▸ **How to complete this task**
Which lines in the records below hold the word "fill"? Copy each of them.

[Excerpts from a dataset]
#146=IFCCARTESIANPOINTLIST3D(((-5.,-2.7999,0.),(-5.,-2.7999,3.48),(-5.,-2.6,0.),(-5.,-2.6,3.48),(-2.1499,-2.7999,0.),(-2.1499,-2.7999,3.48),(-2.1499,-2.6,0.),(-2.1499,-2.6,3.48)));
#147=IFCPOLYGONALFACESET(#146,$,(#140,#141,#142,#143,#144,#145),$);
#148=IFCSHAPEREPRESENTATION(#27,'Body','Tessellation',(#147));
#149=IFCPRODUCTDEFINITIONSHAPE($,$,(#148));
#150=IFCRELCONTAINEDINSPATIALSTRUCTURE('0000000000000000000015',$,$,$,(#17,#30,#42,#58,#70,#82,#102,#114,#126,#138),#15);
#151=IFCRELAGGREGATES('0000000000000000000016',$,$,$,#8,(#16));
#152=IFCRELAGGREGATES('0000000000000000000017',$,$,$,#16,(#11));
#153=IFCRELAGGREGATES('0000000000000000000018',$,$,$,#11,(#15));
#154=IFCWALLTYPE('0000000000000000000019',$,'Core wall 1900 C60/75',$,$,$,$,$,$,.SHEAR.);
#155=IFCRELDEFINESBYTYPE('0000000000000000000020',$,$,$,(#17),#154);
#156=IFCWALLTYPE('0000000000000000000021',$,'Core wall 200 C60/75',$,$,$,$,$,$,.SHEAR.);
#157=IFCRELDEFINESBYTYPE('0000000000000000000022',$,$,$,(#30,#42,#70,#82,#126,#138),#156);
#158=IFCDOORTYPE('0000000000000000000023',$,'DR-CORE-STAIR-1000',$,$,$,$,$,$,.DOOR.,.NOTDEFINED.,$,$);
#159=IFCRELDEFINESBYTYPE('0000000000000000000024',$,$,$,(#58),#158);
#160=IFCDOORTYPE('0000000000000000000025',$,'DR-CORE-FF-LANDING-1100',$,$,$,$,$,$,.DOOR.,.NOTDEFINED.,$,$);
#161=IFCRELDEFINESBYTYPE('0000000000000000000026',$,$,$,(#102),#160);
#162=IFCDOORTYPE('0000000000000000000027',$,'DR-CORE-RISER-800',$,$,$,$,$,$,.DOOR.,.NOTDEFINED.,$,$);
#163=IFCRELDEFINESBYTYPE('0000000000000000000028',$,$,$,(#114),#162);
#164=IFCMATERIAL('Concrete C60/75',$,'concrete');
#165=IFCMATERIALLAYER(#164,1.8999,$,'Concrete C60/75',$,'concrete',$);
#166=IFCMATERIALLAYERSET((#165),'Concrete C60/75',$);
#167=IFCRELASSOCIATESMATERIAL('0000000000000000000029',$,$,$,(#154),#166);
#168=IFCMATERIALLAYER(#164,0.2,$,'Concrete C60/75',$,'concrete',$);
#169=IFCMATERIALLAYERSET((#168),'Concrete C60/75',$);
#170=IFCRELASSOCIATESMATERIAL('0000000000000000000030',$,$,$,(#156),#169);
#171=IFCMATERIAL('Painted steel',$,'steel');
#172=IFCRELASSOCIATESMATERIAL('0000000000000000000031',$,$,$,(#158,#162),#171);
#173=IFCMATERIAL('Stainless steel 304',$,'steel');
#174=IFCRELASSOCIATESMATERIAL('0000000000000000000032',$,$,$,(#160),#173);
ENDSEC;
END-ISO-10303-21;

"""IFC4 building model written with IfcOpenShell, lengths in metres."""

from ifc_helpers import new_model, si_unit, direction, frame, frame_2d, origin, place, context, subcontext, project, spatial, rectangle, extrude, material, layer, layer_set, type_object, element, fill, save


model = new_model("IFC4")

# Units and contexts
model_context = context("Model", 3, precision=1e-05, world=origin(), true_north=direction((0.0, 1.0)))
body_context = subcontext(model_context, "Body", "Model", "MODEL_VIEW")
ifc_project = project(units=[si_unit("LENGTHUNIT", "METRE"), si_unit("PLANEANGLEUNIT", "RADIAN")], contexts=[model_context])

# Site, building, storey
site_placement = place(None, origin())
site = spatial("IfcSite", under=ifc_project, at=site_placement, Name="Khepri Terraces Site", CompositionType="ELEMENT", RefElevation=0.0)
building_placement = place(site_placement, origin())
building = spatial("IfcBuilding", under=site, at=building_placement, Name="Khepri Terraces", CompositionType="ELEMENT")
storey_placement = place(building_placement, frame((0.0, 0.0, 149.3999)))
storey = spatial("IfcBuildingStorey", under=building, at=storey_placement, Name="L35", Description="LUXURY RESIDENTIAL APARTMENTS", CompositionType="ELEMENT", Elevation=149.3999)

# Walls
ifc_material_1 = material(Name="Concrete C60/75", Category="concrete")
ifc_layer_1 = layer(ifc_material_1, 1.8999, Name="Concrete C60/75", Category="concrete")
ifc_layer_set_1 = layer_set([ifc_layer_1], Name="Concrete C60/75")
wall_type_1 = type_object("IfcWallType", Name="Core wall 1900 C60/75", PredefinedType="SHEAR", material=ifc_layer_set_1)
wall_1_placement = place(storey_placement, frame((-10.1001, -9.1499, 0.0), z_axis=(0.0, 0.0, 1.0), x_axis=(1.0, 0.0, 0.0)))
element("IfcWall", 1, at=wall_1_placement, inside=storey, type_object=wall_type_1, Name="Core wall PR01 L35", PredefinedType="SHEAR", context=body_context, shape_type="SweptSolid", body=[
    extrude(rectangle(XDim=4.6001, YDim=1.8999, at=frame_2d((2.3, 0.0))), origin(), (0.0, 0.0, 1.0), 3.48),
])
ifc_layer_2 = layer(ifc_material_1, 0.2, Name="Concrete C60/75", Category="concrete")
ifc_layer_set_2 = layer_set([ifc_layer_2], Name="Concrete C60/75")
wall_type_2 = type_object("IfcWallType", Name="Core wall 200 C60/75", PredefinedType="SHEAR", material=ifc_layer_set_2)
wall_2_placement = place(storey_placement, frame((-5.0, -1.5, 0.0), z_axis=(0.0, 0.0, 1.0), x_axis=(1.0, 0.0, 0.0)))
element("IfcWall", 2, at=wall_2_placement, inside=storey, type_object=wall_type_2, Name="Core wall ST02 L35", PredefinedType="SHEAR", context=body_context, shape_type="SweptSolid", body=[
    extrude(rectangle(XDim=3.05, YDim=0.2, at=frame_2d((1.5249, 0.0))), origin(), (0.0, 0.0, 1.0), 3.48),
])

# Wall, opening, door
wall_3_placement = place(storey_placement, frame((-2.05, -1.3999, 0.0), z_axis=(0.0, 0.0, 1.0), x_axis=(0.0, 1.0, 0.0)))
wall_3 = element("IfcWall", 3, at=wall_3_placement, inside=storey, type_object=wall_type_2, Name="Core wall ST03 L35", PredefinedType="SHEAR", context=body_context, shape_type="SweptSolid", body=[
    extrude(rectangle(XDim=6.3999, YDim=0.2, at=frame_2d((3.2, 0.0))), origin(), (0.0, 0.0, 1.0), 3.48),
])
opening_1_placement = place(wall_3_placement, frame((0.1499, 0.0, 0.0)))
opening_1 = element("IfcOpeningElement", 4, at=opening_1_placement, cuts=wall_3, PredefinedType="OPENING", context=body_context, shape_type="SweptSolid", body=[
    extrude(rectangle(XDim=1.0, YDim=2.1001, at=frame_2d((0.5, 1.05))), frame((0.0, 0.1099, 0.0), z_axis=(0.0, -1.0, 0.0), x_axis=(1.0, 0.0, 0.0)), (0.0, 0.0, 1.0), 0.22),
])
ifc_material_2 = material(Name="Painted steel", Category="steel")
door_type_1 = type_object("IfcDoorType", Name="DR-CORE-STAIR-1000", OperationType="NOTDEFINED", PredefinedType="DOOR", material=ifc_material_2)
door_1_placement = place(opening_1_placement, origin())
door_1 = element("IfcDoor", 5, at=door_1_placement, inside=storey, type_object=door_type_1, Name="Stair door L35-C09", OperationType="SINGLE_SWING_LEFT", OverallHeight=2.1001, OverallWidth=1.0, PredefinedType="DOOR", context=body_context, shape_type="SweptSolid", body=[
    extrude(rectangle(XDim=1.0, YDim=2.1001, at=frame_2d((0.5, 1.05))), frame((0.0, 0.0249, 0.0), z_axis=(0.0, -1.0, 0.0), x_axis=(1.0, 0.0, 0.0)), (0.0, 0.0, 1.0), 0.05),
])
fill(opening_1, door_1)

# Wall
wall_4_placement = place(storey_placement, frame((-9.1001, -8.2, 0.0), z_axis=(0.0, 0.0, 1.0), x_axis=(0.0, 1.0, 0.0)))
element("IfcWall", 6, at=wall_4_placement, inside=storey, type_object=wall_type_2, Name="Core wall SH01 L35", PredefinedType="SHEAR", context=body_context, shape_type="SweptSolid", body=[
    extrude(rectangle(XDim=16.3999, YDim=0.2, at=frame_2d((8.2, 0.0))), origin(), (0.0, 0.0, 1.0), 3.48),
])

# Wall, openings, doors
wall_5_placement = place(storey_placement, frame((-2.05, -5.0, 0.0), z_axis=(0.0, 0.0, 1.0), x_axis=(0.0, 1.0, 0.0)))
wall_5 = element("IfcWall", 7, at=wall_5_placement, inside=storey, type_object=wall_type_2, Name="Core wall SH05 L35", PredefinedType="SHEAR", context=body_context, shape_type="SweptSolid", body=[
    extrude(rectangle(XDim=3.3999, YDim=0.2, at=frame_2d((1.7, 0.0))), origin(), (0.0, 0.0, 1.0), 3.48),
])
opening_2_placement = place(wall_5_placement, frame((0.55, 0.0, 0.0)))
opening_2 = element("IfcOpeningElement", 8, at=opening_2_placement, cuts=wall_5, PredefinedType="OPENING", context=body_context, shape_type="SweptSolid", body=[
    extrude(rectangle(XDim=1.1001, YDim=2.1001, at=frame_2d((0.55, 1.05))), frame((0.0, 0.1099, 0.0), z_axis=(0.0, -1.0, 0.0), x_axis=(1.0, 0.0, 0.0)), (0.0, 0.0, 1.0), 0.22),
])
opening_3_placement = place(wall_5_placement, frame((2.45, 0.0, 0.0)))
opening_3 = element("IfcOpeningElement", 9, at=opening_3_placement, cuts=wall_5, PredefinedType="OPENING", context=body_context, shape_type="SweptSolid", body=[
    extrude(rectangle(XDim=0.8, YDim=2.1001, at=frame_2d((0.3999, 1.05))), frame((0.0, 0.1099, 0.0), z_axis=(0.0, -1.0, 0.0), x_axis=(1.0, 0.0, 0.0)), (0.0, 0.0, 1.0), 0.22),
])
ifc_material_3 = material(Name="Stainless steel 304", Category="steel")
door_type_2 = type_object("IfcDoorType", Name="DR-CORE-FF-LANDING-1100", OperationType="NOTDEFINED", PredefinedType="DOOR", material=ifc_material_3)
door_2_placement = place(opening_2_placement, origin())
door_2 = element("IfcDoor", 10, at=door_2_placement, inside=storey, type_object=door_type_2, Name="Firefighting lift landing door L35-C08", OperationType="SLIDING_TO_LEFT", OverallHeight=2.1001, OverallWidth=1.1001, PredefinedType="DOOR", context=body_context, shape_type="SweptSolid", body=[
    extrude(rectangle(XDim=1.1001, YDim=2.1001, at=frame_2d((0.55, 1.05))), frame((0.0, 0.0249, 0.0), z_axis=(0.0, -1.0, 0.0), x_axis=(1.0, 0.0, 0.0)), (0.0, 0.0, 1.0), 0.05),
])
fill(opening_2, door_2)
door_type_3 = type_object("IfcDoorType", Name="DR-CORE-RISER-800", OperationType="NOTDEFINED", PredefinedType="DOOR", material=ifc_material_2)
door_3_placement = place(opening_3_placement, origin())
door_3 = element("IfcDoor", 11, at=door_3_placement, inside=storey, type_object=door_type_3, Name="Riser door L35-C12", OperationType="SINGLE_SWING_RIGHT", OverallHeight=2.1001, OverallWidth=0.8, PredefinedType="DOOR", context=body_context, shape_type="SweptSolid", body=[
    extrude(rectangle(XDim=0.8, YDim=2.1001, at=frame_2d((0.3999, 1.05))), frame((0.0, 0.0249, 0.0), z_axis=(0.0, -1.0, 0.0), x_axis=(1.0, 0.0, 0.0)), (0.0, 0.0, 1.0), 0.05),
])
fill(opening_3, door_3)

▸ **Written solution**
from ifc_helpers import new_model, si_unit, direction, frame, frame_2d, origin, place, context, subcontext, project, spatial, rectangle, extrude, material, layer, layer_set, type_object, element, fill, save
fill(opening_1, door_1)
fill(opening_2, door_2)
fill(opening_3, door_3)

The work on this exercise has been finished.